## Listed entries
++++++++++
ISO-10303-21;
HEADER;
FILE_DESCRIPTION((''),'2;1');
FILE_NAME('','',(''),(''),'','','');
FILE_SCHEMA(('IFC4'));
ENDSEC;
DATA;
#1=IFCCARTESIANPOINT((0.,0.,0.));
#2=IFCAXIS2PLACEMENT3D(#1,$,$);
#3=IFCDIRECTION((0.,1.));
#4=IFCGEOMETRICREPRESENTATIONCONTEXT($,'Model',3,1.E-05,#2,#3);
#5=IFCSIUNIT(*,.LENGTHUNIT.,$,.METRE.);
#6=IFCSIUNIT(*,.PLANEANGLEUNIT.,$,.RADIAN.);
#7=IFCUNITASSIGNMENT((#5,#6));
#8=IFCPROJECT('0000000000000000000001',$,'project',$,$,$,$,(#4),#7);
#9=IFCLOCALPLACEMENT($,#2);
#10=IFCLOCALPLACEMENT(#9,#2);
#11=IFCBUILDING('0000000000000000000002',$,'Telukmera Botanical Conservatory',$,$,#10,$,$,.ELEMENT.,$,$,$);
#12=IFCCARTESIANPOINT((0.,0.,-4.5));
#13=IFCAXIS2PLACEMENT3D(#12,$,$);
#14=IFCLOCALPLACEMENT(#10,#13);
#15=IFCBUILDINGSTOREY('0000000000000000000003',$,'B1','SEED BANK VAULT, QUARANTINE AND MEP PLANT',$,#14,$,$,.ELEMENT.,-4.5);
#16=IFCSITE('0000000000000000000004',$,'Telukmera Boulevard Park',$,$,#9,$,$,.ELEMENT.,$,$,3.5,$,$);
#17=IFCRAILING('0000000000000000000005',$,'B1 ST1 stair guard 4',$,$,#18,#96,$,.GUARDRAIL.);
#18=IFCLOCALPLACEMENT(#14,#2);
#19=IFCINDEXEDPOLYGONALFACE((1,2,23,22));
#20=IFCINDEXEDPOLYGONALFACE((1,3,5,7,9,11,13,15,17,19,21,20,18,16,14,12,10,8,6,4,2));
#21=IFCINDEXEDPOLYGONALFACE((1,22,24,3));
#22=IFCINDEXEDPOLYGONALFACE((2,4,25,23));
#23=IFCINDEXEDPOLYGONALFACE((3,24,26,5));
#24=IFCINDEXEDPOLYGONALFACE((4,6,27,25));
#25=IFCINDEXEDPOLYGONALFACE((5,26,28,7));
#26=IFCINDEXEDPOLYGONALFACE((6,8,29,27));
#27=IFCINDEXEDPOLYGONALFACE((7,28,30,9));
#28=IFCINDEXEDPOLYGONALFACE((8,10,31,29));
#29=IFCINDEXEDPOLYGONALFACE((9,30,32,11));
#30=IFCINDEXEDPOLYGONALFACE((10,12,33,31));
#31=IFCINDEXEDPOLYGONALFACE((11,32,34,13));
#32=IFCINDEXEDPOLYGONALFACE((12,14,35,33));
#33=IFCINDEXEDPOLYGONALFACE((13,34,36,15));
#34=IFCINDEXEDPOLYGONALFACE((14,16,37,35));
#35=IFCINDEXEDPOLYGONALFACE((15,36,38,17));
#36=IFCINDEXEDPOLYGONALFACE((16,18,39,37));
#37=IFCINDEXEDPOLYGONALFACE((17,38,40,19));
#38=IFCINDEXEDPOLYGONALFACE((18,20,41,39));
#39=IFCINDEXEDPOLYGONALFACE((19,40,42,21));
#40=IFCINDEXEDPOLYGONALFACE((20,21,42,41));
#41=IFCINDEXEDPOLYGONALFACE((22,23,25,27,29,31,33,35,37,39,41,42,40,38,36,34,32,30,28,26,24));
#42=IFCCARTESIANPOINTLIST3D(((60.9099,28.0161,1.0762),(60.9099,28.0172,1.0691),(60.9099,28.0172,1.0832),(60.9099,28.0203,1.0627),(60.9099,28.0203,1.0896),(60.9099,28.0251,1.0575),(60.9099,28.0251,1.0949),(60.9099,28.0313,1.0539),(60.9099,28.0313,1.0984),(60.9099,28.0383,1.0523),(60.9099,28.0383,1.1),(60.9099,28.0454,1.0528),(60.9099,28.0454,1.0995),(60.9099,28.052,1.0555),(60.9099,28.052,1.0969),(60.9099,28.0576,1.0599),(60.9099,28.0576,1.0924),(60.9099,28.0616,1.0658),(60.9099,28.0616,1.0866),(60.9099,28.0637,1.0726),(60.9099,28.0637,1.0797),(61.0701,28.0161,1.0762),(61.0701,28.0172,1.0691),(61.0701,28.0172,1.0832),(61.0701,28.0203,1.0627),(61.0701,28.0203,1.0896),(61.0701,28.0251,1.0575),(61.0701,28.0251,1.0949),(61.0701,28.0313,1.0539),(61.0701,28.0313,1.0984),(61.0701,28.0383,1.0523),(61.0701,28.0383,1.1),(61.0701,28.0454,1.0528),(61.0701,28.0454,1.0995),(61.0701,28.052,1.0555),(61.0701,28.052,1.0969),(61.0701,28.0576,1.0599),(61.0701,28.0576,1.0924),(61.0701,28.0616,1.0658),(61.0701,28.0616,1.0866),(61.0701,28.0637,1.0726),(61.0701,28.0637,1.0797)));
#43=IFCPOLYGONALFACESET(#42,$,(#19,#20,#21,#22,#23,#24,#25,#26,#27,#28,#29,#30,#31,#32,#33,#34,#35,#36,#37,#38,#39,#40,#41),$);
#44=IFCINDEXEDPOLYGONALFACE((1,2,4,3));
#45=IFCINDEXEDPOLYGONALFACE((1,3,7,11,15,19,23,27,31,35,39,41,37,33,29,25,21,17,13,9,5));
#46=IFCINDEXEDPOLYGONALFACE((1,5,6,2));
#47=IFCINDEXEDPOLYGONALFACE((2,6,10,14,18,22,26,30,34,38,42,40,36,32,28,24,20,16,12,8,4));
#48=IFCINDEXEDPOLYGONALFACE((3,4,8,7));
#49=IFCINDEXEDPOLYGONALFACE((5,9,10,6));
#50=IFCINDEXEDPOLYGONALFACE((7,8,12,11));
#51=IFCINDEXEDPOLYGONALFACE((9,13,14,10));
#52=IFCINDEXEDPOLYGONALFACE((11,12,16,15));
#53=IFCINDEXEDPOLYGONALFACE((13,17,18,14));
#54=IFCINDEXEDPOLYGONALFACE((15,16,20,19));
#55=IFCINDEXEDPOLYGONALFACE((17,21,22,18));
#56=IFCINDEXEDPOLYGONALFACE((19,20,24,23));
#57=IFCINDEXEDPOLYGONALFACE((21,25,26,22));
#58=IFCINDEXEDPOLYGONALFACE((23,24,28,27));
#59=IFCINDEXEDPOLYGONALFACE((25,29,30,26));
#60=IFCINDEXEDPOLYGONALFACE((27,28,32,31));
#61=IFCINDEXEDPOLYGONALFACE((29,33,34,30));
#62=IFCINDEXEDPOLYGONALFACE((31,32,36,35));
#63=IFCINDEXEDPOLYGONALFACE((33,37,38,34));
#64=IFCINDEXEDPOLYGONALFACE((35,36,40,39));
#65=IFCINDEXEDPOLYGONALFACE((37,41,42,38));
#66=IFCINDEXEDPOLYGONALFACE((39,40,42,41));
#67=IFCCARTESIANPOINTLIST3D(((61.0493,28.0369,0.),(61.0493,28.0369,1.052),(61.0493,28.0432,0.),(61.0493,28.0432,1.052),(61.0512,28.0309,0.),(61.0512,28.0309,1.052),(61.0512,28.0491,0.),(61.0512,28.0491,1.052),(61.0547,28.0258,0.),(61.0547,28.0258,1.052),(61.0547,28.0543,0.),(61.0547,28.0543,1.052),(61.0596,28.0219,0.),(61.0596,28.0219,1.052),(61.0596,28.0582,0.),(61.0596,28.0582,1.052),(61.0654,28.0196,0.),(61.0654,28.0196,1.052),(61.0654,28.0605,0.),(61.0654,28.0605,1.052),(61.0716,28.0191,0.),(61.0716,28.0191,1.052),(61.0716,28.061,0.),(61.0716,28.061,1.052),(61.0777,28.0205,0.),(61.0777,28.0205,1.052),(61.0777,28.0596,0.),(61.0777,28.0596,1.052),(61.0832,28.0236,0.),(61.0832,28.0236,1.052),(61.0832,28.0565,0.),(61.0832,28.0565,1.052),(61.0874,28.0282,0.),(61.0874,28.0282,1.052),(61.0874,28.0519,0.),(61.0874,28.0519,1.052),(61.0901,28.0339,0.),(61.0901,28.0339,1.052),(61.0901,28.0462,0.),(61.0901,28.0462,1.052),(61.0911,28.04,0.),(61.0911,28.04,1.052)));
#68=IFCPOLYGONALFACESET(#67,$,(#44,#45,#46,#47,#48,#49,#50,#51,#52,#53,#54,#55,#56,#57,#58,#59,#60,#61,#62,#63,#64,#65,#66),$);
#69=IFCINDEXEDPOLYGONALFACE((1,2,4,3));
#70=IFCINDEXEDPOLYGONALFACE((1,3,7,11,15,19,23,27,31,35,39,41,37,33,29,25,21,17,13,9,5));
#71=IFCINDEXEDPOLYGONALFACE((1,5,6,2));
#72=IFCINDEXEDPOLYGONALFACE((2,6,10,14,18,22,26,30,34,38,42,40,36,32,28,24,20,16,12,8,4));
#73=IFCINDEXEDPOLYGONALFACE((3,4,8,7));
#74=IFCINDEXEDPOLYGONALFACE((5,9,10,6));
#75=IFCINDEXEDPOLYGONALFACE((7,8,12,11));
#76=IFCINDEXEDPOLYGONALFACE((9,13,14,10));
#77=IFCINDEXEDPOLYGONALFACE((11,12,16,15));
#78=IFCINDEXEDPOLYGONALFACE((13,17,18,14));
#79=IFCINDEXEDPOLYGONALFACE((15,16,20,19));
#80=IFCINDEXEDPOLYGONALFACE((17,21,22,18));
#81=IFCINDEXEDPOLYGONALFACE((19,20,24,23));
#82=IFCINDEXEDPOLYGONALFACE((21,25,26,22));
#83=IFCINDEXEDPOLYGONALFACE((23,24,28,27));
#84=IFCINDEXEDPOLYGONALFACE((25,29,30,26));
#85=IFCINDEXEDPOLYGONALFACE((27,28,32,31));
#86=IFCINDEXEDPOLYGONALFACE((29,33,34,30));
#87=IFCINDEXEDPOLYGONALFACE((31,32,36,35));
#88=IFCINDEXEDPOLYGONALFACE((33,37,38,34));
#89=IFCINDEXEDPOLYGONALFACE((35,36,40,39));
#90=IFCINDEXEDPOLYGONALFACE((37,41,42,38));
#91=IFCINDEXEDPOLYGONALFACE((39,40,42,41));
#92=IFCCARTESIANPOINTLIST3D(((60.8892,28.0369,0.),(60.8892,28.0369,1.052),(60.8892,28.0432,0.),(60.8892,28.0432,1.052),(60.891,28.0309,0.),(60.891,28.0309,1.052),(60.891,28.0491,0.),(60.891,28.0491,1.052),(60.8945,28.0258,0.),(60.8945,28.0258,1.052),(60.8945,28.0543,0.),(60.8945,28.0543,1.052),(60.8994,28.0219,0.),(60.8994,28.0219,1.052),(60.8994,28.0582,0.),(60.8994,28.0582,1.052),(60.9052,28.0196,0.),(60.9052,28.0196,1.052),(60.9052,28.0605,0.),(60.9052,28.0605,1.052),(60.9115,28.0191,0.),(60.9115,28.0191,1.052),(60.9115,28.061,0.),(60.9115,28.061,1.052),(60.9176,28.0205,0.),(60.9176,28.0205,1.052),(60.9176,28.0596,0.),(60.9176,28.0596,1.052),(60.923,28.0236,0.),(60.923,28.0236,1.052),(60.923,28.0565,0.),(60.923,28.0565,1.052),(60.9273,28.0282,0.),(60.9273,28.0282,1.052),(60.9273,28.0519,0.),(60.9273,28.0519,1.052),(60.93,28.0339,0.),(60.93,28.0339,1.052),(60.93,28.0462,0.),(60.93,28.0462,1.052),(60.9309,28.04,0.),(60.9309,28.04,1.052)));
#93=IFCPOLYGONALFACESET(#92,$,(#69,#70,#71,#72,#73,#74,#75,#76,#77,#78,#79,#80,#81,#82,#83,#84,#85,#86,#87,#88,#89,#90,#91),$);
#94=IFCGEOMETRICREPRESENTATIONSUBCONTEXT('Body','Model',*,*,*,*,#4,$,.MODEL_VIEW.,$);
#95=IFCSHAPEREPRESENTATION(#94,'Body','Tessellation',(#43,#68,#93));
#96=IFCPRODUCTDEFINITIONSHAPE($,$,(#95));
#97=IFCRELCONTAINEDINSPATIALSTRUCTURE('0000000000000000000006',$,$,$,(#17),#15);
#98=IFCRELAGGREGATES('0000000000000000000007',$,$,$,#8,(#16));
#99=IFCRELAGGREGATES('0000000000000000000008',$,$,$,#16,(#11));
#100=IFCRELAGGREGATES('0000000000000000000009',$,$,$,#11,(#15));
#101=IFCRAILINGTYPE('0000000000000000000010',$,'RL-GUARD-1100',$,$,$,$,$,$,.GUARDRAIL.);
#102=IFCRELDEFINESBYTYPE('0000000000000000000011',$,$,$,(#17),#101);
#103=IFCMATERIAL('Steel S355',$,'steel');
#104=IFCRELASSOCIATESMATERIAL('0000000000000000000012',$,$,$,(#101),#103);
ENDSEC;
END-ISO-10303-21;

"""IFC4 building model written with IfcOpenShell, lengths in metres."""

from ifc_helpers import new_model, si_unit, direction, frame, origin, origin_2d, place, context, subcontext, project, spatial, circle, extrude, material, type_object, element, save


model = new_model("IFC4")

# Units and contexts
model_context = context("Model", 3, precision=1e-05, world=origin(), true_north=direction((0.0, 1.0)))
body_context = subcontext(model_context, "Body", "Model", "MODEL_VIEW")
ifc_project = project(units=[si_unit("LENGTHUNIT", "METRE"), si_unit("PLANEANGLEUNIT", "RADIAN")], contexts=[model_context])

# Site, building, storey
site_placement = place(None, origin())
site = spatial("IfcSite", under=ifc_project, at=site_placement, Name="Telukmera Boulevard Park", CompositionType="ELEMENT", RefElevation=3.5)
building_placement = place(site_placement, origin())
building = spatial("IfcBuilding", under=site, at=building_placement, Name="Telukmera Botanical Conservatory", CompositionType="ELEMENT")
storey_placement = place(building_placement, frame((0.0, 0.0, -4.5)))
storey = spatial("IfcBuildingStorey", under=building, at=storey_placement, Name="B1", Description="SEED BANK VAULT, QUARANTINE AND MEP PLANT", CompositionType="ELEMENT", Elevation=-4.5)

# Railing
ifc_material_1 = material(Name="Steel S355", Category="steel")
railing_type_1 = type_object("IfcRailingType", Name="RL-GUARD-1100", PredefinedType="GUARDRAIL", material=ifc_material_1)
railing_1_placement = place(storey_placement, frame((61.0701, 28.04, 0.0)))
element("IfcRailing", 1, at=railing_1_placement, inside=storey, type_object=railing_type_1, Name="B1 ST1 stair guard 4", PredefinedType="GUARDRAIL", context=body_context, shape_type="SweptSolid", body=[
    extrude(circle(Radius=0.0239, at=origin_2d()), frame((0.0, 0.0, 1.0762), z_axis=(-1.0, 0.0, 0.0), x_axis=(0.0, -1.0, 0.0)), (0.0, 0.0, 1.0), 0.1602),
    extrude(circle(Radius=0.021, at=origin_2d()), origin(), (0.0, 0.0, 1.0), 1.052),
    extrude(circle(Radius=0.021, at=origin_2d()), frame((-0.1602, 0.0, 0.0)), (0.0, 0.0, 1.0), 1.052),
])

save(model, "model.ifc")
++++++++++
## Problem
Find and copy each line above that includes the string "IFCPOLYGONALFACESET".

## Task answer
#43=IFCPOLYGONALFACESET(#42,$,(#19,#20,#21,#22,#23,#24,#25,#26,#27,#28,#29,#30,#31,#32,#33,#34,#35,#36,#37,#38,#39,#40,#41),$);
#68=IFCPOLYGONALFACESET(#67,$,(#44,#45,#46,#47,#48,#49,#50,#51,#52,#53,#54,#55,#56,#57,#58,#59,#60,#61,#62,#63,#64,#65,#66),$);
#93=IFCPOLYGONALFACESET(#92,$,(#69,#70,#71,#72,#73,#74,#75,#76,#77,#78,#79,#80,#81,#82,#83,#84,#85,#86,#87,#88,#89,#90,#91),$);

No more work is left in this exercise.